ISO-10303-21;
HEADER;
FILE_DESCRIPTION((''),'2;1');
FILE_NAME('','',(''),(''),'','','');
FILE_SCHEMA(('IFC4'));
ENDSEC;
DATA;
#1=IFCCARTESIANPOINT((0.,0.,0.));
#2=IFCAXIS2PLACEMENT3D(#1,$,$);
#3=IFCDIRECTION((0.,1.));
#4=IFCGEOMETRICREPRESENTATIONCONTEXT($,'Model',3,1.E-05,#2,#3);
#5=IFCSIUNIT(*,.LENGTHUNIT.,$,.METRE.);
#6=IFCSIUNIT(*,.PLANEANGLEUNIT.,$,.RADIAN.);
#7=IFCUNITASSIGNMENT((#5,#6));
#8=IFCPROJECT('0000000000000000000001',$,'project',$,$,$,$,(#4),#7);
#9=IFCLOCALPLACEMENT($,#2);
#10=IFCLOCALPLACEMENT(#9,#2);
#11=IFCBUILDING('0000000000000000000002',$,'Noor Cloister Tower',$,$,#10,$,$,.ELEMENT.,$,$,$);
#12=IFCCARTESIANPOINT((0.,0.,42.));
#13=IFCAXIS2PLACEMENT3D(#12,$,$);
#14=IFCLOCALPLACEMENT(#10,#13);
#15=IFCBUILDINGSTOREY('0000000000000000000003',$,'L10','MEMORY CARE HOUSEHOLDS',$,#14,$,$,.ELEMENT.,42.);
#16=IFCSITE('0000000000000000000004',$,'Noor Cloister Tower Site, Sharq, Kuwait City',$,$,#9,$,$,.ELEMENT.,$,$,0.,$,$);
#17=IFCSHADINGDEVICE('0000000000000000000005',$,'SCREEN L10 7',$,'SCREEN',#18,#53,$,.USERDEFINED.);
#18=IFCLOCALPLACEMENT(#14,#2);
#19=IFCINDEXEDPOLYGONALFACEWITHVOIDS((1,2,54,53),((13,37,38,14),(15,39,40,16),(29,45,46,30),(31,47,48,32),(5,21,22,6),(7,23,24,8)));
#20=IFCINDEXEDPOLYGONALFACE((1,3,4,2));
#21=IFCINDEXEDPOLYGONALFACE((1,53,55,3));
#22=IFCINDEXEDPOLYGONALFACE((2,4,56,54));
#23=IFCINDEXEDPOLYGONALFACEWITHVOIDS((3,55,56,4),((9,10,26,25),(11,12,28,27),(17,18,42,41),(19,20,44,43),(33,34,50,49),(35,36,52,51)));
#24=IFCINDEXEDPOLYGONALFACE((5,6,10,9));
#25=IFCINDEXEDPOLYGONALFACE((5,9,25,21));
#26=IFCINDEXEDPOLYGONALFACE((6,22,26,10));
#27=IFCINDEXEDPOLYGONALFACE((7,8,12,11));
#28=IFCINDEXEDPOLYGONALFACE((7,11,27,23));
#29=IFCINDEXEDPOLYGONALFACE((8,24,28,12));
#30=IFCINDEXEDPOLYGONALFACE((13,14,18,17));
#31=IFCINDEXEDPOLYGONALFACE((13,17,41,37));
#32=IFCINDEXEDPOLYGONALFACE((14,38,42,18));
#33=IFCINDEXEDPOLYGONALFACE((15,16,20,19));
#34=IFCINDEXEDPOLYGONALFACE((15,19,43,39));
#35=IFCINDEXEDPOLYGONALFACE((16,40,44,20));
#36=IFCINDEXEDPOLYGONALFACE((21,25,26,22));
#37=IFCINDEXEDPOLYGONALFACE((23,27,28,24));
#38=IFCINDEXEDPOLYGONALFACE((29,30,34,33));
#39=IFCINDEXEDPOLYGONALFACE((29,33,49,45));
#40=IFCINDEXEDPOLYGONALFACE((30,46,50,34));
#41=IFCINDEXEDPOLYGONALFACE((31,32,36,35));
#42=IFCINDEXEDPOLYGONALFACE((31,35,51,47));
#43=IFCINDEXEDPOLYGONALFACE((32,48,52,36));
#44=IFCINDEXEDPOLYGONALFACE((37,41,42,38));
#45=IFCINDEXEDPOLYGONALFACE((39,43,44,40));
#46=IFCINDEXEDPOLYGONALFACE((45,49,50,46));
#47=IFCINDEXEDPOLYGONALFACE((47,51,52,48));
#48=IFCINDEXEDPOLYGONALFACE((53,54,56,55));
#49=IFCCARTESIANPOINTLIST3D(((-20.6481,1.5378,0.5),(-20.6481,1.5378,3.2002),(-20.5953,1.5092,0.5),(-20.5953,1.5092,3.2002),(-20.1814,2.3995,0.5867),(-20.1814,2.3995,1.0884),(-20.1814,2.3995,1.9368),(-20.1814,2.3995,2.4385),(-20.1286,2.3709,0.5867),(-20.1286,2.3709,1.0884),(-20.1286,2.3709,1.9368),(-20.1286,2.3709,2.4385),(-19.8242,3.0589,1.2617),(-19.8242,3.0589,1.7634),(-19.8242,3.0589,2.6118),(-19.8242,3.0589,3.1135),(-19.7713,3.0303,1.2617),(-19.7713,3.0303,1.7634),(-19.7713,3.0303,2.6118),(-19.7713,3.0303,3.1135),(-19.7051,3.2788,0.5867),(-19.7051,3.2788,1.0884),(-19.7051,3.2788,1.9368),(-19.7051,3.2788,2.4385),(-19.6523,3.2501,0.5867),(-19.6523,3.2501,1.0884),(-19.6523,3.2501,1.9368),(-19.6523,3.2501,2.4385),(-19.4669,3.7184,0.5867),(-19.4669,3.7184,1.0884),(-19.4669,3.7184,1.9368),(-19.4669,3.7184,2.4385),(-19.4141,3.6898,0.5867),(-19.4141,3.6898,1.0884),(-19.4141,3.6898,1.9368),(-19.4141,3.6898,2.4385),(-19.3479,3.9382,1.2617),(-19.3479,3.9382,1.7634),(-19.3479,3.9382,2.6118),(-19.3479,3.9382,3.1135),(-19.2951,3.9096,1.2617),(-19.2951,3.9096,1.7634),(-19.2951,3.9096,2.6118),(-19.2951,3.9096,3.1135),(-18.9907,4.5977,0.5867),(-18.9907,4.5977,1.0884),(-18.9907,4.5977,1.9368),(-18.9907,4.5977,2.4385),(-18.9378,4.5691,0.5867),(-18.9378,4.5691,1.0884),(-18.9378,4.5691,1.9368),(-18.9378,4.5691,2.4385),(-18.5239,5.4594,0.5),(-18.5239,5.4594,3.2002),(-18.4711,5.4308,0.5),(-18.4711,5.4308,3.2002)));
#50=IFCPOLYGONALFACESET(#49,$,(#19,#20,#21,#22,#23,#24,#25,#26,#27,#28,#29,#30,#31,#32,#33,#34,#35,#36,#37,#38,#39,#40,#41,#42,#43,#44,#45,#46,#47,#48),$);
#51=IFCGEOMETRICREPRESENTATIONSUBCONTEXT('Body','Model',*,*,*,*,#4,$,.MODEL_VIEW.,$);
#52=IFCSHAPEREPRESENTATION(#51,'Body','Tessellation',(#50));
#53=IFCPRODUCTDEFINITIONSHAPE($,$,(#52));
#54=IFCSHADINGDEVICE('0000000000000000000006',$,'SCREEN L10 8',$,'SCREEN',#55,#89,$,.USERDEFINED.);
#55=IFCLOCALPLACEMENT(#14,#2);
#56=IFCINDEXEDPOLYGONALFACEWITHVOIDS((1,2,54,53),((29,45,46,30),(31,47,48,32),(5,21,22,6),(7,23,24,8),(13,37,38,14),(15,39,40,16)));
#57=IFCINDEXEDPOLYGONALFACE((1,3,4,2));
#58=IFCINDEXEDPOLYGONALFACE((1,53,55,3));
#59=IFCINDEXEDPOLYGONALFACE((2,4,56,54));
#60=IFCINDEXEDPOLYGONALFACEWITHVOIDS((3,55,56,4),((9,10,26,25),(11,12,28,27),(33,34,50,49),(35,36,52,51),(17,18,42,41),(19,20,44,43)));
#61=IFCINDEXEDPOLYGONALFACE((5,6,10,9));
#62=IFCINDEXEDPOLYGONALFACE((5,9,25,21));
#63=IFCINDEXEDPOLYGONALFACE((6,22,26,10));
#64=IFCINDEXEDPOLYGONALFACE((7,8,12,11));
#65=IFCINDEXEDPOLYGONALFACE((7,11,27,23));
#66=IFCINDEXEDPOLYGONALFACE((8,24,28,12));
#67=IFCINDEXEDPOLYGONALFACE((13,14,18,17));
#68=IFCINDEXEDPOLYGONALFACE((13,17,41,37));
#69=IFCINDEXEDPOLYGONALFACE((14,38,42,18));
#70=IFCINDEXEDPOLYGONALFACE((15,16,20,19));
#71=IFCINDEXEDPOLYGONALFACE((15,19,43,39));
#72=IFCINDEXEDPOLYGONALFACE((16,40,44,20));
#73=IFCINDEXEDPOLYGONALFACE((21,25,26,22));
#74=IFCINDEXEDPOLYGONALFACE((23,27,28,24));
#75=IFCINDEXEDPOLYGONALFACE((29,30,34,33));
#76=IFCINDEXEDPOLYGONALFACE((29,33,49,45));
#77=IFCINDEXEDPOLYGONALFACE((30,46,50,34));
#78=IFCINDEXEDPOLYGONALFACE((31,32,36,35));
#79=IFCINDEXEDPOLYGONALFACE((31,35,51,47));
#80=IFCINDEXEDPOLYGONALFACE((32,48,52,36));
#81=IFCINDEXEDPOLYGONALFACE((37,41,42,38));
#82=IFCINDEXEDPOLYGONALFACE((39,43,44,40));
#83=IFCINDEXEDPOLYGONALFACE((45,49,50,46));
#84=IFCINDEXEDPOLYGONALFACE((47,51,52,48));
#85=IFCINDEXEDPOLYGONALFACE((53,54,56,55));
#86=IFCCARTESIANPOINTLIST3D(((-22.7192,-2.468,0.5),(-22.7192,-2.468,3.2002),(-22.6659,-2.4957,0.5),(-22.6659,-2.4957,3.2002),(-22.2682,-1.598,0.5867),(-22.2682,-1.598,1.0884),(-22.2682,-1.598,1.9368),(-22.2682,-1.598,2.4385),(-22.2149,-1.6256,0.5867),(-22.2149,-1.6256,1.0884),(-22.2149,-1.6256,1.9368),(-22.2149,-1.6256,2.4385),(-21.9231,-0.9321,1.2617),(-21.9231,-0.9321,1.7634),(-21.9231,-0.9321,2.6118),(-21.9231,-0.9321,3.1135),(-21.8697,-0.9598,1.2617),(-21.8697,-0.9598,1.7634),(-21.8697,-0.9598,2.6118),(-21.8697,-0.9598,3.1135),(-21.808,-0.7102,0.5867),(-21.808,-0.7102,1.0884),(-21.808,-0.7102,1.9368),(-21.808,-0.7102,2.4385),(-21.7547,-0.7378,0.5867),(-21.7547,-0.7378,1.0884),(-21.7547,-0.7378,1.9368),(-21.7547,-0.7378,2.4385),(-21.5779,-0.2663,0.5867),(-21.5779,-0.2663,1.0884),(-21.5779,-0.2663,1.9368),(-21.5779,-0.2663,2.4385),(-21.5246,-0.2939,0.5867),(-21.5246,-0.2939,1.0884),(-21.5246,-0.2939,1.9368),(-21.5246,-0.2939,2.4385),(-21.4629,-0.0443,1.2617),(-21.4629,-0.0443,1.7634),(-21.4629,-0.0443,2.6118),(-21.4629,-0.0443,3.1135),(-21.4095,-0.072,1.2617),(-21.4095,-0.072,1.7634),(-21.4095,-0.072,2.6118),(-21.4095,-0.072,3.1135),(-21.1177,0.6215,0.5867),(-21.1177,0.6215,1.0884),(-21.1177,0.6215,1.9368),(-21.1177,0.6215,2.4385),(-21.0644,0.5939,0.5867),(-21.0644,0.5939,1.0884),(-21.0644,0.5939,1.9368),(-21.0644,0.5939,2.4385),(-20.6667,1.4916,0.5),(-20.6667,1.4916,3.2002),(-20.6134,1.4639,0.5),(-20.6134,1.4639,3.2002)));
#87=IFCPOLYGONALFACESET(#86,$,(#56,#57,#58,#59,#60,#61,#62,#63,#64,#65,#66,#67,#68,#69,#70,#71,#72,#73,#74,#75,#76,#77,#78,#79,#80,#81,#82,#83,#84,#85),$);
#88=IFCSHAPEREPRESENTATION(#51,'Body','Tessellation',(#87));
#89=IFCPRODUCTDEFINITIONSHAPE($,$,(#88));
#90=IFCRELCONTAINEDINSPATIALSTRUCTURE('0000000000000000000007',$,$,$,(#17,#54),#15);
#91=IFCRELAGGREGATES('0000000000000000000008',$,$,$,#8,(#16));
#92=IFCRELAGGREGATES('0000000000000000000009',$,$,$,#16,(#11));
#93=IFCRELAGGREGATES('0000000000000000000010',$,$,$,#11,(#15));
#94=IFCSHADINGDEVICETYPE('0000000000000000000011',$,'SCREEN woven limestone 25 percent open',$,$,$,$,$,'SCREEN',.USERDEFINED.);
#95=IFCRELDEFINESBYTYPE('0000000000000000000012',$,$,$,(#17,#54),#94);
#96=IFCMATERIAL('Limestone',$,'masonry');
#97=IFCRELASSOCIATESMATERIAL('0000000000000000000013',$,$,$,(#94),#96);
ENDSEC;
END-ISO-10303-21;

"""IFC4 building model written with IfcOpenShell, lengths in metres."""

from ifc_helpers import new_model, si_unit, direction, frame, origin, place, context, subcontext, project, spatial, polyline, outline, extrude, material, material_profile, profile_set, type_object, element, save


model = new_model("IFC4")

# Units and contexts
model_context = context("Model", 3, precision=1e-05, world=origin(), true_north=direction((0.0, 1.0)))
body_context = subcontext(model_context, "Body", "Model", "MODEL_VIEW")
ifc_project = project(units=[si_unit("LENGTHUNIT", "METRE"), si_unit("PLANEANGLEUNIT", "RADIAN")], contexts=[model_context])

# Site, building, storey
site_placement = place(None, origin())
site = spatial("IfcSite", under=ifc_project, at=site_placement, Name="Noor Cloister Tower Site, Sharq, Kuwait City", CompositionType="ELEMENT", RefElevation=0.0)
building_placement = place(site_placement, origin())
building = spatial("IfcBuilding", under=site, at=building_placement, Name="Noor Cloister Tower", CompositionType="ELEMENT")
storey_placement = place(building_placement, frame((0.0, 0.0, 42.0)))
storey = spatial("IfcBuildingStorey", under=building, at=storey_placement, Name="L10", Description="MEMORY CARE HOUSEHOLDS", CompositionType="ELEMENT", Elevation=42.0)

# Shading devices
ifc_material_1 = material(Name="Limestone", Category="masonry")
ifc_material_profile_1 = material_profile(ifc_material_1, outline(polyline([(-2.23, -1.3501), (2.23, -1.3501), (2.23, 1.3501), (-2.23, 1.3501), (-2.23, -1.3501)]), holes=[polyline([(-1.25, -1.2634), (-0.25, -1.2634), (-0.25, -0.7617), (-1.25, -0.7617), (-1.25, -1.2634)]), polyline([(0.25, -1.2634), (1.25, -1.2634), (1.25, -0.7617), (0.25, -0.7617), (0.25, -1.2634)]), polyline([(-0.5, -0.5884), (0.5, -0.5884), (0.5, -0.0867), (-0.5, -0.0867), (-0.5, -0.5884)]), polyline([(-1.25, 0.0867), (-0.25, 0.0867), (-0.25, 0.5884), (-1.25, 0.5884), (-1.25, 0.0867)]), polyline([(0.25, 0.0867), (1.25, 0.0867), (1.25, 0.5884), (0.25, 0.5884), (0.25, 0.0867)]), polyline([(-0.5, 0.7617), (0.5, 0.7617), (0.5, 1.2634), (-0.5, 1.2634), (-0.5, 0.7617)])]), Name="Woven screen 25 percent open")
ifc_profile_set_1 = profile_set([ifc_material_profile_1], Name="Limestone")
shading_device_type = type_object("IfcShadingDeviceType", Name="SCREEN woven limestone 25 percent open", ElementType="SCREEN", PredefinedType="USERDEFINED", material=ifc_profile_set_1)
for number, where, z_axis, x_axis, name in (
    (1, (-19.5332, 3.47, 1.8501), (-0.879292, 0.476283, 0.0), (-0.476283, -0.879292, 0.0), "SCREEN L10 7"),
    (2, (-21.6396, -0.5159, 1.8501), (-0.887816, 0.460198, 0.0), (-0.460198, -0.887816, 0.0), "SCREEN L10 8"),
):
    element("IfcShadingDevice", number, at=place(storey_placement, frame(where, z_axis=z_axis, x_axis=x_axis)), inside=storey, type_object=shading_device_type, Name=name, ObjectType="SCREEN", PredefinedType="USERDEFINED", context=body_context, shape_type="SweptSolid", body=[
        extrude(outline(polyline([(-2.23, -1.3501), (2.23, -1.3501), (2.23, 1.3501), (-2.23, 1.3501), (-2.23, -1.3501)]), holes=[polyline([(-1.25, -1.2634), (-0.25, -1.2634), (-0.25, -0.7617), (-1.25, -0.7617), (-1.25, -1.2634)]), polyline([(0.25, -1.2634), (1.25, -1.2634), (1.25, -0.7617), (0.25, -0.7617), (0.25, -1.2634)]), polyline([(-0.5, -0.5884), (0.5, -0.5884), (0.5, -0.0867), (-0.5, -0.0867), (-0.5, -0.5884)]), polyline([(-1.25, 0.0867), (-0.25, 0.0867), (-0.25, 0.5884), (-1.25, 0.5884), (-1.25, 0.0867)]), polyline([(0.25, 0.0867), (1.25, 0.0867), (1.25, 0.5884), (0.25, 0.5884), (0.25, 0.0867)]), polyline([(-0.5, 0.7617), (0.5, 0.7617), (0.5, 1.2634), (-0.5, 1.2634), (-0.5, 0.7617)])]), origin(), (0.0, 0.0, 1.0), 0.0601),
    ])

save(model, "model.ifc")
⁂
### Problem statement
Search each line of the data above for "IFCSIUNIT", and copy the lines where it occurs.

### Response box
#5=IFCSIUNIT(*,.LENGTHUNIT.,$,.METRE.);
#6=IFCSIUNIT(*,.PLANEANGLEUNIT.,$,.RADIAN.);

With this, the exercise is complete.